## REQUIRED WORK
Scan the listing and copy each line where the word "IFCLOCALPLACEMENT" is present.

+ + +

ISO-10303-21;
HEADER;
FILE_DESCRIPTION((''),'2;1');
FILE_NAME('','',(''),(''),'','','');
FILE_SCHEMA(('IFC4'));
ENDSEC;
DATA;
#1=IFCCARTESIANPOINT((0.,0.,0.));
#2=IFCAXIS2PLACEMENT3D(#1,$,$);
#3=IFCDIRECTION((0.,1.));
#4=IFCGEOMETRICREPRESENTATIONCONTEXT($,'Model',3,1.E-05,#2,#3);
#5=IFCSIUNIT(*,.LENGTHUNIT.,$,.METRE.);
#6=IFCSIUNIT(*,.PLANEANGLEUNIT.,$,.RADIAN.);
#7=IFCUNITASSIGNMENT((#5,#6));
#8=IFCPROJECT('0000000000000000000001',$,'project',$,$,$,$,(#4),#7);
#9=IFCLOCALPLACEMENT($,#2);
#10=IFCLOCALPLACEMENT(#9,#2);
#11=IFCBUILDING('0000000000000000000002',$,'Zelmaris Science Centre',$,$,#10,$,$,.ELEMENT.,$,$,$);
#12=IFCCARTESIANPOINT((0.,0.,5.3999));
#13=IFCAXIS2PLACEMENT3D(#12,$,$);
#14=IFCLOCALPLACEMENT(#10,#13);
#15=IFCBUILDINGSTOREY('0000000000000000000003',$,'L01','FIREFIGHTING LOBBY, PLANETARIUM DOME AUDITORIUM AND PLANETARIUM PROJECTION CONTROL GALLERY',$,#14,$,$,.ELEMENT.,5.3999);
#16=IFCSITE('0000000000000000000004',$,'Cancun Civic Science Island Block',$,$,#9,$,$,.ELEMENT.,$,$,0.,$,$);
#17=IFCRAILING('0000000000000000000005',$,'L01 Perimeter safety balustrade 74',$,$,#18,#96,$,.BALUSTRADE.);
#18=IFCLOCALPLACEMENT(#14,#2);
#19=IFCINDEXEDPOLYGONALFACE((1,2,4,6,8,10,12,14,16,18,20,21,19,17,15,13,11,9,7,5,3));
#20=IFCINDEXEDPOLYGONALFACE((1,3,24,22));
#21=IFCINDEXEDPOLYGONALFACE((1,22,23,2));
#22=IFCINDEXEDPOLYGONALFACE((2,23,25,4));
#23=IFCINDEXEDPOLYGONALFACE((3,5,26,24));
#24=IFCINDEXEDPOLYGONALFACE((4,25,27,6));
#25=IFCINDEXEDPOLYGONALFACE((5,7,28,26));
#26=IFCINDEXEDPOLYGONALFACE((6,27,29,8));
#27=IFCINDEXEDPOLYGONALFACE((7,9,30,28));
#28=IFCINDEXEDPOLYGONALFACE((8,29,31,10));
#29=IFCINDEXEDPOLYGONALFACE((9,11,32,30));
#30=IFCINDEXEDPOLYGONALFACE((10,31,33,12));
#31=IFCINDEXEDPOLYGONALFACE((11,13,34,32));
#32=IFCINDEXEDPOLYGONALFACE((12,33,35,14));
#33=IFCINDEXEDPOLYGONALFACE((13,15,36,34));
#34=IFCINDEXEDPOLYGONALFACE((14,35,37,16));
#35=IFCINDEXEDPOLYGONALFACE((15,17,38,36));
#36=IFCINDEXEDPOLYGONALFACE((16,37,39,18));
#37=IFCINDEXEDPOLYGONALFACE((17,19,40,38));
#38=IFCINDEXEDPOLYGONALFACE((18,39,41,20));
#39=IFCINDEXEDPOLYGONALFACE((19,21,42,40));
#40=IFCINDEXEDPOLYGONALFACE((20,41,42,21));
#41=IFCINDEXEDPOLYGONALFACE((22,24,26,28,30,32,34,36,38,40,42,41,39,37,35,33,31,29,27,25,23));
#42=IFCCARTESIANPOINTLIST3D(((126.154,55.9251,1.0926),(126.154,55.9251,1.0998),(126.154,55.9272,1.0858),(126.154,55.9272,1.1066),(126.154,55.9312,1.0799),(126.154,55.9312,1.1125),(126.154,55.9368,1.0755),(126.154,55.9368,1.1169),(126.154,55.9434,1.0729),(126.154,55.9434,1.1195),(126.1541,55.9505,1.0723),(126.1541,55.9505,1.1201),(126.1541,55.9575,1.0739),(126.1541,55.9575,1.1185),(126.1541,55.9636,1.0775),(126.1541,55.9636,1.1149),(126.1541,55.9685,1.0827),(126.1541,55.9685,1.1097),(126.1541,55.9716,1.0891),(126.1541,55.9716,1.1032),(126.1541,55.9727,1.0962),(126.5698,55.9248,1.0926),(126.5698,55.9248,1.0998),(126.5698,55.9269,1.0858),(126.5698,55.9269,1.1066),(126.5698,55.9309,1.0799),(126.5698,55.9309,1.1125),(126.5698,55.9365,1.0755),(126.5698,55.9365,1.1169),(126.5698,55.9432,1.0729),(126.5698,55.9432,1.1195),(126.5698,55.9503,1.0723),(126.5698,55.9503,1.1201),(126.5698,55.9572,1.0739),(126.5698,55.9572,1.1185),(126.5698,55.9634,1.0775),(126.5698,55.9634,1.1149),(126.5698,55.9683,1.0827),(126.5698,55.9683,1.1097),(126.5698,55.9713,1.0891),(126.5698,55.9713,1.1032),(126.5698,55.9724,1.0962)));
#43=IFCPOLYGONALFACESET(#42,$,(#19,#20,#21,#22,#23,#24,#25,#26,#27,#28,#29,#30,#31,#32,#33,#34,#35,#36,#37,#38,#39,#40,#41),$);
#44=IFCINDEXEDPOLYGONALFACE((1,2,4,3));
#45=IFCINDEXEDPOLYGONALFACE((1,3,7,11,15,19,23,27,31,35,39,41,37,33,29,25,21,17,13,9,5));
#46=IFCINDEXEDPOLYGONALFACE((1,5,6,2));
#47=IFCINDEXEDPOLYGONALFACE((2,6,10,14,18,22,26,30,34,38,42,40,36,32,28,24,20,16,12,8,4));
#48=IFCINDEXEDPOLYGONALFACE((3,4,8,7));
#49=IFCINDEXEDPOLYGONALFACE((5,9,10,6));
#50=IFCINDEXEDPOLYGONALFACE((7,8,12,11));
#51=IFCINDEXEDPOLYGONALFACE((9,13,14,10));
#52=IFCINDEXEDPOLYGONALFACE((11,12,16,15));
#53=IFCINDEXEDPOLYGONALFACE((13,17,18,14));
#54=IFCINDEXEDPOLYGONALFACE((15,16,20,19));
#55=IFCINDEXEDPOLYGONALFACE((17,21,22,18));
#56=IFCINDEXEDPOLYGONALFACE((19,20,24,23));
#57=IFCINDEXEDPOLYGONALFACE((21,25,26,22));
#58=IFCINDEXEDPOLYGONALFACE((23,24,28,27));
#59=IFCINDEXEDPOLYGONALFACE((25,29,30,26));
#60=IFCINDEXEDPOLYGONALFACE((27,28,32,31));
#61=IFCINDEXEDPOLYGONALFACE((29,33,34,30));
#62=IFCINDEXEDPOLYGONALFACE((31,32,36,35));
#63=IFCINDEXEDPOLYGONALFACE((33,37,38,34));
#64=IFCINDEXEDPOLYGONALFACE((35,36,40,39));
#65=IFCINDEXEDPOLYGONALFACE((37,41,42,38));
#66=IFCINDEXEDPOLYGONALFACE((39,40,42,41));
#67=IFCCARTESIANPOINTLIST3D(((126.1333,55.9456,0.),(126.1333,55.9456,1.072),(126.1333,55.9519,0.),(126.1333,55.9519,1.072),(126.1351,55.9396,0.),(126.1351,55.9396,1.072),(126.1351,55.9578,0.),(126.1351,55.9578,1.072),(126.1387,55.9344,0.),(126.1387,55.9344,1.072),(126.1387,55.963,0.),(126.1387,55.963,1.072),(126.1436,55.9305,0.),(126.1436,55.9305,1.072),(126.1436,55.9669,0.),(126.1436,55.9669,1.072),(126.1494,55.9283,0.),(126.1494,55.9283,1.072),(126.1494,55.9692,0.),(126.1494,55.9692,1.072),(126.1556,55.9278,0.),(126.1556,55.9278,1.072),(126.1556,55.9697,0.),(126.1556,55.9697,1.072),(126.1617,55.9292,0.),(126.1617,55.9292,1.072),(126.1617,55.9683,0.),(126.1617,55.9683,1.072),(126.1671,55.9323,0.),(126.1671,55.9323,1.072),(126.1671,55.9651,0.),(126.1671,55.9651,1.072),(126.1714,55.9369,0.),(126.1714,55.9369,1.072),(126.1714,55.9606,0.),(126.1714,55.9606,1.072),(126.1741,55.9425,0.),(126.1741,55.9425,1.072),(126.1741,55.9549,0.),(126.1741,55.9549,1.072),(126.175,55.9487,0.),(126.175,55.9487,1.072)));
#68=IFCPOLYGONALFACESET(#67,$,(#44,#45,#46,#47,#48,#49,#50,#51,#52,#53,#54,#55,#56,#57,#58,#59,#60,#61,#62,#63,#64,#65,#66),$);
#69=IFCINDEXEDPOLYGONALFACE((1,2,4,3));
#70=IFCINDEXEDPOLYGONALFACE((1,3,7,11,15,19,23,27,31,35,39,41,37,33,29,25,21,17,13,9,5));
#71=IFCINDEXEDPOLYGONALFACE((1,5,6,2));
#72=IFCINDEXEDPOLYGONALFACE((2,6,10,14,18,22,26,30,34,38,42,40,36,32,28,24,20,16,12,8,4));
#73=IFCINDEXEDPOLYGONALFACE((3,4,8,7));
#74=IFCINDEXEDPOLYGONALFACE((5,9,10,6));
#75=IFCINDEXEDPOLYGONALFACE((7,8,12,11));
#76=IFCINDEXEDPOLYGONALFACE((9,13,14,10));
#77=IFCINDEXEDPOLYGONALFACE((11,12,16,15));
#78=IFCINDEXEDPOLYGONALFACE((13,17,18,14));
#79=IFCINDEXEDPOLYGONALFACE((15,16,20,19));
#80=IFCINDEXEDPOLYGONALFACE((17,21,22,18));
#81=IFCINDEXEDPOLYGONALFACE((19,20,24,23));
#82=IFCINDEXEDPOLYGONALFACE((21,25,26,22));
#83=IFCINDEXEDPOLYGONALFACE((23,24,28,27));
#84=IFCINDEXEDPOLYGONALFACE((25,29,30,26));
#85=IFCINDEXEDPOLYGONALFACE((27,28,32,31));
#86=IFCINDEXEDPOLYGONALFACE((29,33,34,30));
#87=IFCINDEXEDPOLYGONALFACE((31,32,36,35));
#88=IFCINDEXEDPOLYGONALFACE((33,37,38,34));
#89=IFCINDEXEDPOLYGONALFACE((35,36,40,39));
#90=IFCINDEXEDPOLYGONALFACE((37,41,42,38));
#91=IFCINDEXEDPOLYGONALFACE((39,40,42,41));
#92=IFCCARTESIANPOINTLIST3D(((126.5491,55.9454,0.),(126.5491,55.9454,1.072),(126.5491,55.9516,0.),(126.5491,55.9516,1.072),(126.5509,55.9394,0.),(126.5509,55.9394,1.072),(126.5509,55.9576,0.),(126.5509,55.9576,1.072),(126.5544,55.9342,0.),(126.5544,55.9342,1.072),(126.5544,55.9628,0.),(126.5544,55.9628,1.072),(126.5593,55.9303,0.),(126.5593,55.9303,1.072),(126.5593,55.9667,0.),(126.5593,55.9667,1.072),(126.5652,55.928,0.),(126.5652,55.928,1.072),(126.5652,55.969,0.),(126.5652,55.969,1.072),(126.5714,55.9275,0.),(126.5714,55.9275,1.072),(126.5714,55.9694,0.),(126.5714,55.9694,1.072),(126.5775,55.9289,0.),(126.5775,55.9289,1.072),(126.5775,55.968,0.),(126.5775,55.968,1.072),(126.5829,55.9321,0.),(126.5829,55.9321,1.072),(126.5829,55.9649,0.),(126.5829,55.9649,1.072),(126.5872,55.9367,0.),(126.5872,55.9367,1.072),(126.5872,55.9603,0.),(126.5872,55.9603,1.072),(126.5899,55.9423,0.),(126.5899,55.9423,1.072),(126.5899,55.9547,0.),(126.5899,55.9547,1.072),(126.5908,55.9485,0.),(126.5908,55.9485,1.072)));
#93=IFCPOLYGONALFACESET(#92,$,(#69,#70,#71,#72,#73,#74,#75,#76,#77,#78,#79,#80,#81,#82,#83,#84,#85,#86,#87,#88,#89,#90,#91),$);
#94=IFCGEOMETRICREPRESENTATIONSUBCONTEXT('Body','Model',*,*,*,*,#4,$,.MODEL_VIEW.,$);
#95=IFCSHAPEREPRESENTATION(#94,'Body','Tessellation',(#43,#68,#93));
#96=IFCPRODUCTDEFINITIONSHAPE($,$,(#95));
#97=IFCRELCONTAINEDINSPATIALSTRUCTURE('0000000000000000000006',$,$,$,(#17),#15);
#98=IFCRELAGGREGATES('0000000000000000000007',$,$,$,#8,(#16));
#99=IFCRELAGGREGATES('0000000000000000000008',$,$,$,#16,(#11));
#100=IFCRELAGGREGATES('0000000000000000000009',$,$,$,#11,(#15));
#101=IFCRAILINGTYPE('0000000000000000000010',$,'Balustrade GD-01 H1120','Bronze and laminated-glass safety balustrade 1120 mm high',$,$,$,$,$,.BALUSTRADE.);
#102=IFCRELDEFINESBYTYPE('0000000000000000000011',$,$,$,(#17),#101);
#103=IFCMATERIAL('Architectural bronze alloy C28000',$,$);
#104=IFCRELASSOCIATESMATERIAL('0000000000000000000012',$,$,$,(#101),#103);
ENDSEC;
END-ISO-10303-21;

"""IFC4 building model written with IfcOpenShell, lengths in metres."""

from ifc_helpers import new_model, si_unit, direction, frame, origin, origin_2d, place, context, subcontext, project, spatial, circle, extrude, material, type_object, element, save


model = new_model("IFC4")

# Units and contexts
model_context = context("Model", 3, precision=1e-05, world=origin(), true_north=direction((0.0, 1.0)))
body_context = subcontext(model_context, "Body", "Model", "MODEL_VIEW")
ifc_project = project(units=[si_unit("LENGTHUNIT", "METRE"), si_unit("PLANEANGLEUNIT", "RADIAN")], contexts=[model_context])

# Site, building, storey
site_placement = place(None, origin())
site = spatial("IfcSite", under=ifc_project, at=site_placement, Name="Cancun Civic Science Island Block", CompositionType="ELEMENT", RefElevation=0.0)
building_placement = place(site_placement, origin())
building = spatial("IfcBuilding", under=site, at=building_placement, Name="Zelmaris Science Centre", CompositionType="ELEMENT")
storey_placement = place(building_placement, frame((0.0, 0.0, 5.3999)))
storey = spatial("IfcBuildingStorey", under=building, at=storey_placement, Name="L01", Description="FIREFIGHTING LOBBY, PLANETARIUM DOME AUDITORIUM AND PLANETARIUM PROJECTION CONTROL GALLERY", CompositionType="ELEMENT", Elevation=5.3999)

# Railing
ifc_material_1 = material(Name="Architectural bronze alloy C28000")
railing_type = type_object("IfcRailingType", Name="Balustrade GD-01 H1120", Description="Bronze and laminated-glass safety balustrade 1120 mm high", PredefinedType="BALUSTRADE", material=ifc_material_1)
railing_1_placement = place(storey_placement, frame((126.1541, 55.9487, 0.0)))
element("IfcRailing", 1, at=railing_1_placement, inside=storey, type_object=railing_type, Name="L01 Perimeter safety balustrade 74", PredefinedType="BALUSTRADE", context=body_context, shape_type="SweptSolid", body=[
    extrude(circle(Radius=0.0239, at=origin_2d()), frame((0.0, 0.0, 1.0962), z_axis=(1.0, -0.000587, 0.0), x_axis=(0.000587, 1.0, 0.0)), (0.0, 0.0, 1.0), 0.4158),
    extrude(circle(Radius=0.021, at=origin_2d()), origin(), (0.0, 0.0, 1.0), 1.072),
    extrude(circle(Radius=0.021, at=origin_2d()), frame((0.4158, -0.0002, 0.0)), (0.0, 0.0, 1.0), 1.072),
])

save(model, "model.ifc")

+ + +

## OUTPUT OF THE TASK
#9=IFCLOCALPLACEMENT($,#2);
#10=IFCLOCALPLACEMENT(#9,#2);
#14=IFCLOCALPLACEMENT(#10,#13);
#18=IFCLOCALPLACEMENT(#14,#2);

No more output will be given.